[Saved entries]
================

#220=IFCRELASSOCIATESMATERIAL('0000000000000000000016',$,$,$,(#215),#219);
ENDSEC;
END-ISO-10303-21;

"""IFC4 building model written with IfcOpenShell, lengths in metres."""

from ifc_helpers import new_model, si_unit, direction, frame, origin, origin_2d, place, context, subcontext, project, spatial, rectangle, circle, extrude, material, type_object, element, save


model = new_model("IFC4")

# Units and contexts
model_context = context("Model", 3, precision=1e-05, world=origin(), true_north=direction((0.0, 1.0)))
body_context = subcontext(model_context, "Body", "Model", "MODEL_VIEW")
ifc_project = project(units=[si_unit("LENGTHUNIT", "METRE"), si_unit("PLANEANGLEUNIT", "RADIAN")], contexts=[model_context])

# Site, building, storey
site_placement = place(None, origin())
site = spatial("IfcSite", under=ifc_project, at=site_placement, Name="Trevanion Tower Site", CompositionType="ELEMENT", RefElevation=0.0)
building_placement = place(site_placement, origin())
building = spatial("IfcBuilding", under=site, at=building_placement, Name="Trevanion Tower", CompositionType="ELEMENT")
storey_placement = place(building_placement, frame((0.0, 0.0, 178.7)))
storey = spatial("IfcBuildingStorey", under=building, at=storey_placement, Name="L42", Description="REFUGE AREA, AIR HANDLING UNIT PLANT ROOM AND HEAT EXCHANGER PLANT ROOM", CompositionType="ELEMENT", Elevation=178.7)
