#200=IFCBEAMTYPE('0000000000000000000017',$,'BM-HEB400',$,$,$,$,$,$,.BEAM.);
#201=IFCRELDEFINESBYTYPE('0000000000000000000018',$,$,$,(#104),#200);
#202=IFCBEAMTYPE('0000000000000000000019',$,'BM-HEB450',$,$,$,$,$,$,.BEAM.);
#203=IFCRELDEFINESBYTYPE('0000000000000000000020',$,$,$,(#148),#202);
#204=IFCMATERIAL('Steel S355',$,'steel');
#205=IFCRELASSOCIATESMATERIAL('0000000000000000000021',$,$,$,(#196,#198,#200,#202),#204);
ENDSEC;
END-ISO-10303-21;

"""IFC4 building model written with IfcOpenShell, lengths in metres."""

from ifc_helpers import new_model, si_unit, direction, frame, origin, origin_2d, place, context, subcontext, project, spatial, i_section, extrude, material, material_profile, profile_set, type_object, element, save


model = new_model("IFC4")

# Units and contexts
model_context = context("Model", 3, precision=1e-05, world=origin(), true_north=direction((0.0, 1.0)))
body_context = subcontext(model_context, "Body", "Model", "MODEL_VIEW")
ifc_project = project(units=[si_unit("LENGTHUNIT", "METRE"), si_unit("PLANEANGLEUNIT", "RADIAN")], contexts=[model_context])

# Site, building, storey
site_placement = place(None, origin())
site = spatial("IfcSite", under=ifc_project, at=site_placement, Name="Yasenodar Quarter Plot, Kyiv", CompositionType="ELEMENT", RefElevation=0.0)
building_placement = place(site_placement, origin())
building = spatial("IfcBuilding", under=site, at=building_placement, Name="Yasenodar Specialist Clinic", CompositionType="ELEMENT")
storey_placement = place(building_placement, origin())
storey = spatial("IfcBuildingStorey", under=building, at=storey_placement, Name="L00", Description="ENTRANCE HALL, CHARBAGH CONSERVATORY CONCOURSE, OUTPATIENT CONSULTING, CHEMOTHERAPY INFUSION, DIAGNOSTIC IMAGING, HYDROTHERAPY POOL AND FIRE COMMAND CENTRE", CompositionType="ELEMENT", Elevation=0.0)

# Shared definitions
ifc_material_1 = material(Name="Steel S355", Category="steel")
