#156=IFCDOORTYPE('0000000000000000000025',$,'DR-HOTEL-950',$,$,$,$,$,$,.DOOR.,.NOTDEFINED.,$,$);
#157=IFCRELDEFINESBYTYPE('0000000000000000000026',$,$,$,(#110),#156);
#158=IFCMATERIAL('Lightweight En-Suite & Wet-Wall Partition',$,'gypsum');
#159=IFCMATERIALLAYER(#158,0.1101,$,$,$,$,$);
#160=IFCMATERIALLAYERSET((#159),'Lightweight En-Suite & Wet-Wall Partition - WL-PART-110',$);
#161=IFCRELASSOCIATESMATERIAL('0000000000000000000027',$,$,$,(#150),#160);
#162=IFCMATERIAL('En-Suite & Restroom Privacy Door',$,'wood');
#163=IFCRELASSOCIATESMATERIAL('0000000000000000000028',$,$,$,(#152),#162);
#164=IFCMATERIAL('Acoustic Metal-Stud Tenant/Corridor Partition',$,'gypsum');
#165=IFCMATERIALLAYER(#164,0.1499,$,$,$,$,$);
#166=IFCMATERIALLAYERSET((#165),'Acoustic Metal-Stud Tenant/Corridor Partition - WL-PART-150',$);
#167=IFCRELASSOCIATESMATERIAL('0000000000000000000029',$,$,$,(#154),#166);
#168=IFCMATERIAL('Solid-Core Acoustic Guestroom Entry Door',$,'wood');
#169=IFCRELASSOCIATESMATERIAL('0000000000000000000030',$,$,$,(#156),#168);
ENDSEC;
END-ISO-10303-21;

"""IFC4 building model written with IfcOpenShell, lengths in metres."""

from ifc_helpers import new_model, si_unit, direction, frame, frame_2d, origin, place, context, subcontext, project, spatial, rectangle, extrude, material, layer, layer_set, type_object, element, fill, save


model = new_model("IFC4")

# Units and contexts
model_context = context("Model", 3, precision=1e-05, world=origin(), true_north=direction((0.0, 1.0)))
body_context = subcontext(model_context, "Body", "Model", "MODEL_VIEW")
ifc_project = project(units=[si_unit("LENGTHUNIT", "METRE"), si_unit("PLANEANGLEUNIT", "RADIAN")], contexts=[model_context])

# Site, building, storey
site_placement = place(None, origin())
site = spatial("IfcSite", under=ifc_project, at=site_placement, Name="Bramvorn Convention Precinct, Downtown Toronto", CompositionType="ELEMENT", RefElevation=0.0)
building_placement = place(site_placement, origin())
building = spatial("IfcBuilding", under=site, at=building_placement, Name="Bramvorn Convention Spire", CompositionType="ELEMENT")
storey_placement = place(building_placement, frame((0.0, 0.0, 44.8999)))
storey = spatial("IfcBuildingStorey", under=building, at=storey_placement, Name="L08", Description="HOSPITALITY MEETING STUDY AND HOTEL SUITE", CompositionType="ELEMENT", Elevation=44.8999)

================

### TASK REQUIREMENTS
After reading through the records, retype all of them exactly.

### TASK OUTPUT
#220=IFCRELASSOCIATESMATERIAL('0000000000000000000016',$,$,$,(#215),#219);
ENDSEC;
END-ISO-10303-21;

"""IFC4 building model written with IfcOpenShell, lengths in metres."""

from ifc_helpers import new_model, si_unit, direction, frame, origin, origin_2d, place, context, subcontext, project, spatial, rectangle, circle, extrude, material, type_object, element, save


model = new_model("IFC4")

# Units and contexts
model_context = context("Model", 3, precision=1e-05, world=origin(), true_north=direction((0.0, 1.0)))
body_context = subcontext(model_context, "Body", "Model", "MODEL_VIEW")
ifc_project = project(units=[si_unit("LENGTHUNIT", "METRE"), si_unit("PLANEANGLEUNIT", "RADIAN")], contexts=[model_context])

# Site, building, storey
site_placement = place(None, origin())
site = spatial("IfcSite", under=ifc_project, at=site_placement, Name="Trevanion Tower Site", CompositionType="ELEMENT", RefElevation=0.0)
building_placement = place(site_placement, origin())
building = spatial("IfcBuilding", under=site, at=building_placement, Name="Trevanion Tower", CompositionType="ELEMENT")
storey_placement = place(building_placement, frame((0.0, 0.0, 178.7)))
storey = spatial("IfcBuildingStorey", under=building, at=storey_placement, Name="L42", Description="REFUGE AREA, AIR HANDLING UNIT PLANT ROOM AND HEAT EXCHANGER PLANT ROOM", CompositionType="ELEMENT", Elevation=178.7)
#200=IFCBEAMTYPE('0000000000000000000017',$,'BM-HEB400',$,$,$,$,$,$,.BEAM.);
#201=IFCRELDEFINESBYTYPE('0000000000000000000018',$,$,$,(#104),#200);
#202=IFCBEAMTYPE('0000000000000000000019',$,'BM-HEB450',$,$,$,$,$,$,.BEAM.);
#203=IFCRELDEFINESBYTYPE('0000000000000000000020',$,$,$,(#148),#202);
#204=IFCMATERIAL('Steel S355',$,'steel');
#205=IFCRELASSOCIATESMATERIAL('0000000000000000000021',$,$,$,(#196,#198,#200,#202),#204);
ENDSEC;
END-ISO-10303-21;

"""IFC4 building model written with IfcOpenShell, lengths in metres."""

from ifc_helpers import new_model, si_unit, direction, frame, origin, origin_2d, place, context, subcontext, project, spatial, i_section, extrude, material, material_profile, profile_set, type_object, element, save


model = new_model("IFC4")

# Units and contexts
model_context = context("Model", 3, precision=1e-05, world=origin(), true_north=direction((0.0, 1.0)))
body_context = subcontext(model_context, "Body", "Model", "MODEL_VIEW")
ifc_project = project(units=[si_unit("LENGTHUNIT", "METRE"), si_unit("PLANEANGLEUNIT", "RADIAN")], contexts=[model_context])

# Site, building, storey
site_placement = place(None, origin())
site = spatial("IfcSite", under=ifc_project, at=site_placement, Name="Yasenodar Quarter Plot, Kyiv", CompositionType="ELEMENT", RefElevation=0.0)
building_placement = place(site_placement, origin())
building = spatial("IfcBuilding", under=site, at=building_placement, Name="Yasenodar Specialist Clinic", CompositionType="ELEMENT")
storey_placement = place(building_placement, origin())
storey = spatial("IfcBuildingStorey", under=building, at=storey_placement, Name="L00", Description="ENTRANCE HALL, CHARBAGH CONSERVATORY CONCOURSE, OUTPATIENT CONSULTING, CHEMOTHERAPY INFUSION, DIAGNOSTIC IMAGING, HYDROTHERAPY POOL AND FIRE COMMAND CENTRE", CompositionType="ELEMENT", Elevation=0.0)

# Shared definitions
ifc_material_1 = material(Name="Steel S355", Category="steel")
#156=IFCDOORTYPE('0000000000000000000025',$,'DR-HOTEL-950',$,$,$,$,$,$,.DOOR.,.NOTDEFINED.,$,$);
#157=IFCRELDEFINESBYTYPE('0000000000000000000026',$,$,$,(#110),#156);
#158=IFCMATERIAL('Lightweight En-Suite & Wet-Wall Partition',$,'gypsum');
#159=IFCMATERIALLAYER(#158,0.1101,$,$,$,$,$);
#160=IFCMATERIALLAYERSET((#159),'Lightweight En-Suite & Wet-Wall Partition - WL-PART-110',$);
#161=IFCRELASSOCIATESMATERIAL('0000000000000000000027',$,$,$,(#150),#160);
#162=IFCMATERIAL('En-Suite & Restroom Privacy Door',$,'wood');
#163=IFCRELASSOCIATESMATERIAL('0000000000000000000028',$,$,$,(#152),#162);
#164=IFCMATERIAL('Acoustic Metal-Stud Tenant/Corridor Partition',$,'gypsum');
#165=IFCMATERIALLAYER(#164,0.1499,$,$,$,$,$);
#166=IFCMATERIALLAYERSET((#165),'Acoustic Metal-Stud Tenant/Corridor Partition - WL-PART-150',$);
#167=IFCRELASSOCIATESMATERIAL('0000000000000000000029',$,$,$,(#154),#166);
#168=IFCMATERIAL('Solid-Core Acoustic Guestroom Entry Door',$,'wood');
#169=IFCRELASSOCIATESMATERIAL('0000000000000000000030',$,$,$,(#156),#168);
ENDSEC;
END-ISO-10303-21;

"""IFC4 building model written with IfcOpenShell, lengths in metres."""

from ifc_helpers import new_model, si_unit, direction, frame, frame_2d, origin, place, context, subcontext, project, spatial, rectangle, extrude, material, layer, layer_set, type_object, element, fill, save


model = new_model("IFC4")

# Units and contexts
model_context = context("Model", 3, precision=1e-05, world=origin(), true_north=direction((0.0, 1.0)))
body_context = subcontext(model_context, "Body", "Model", "MODEL_VIEW")
ifc_project = project(units=[si_unit("LENGTHUNIT", "METRE"), si_unit("PLANEANGLEUNIT", "RADIAN")], contexts=[model_context])

# Site, building, storey
site_placement = place(None, origin())
site = spatial("IfcSite", under=ifc_project, at=site_placement, Name="Bramvorn Convention Precinct, Downtown Toronto", CompositionType="ELEMENT", RefElevation=0.0)
building_placement = place(site_placement, origin())
building = spatial("IfcBuilding", under=site, at=building_placement, Name="Bramvorn Convention Spire", CompositionType="ELEMENT")
storey_placement = place(building_placement, frame((0.0, 0.0, 44.8999)))
storey = spatial("IfcBuildingStorey", under=building, at=storey_placement, Name="L08", Description="HOSPITALITY MEETING STUDY AND HOTEL SUITE", CompositionType="ELEMENT", Elevation=44.8999)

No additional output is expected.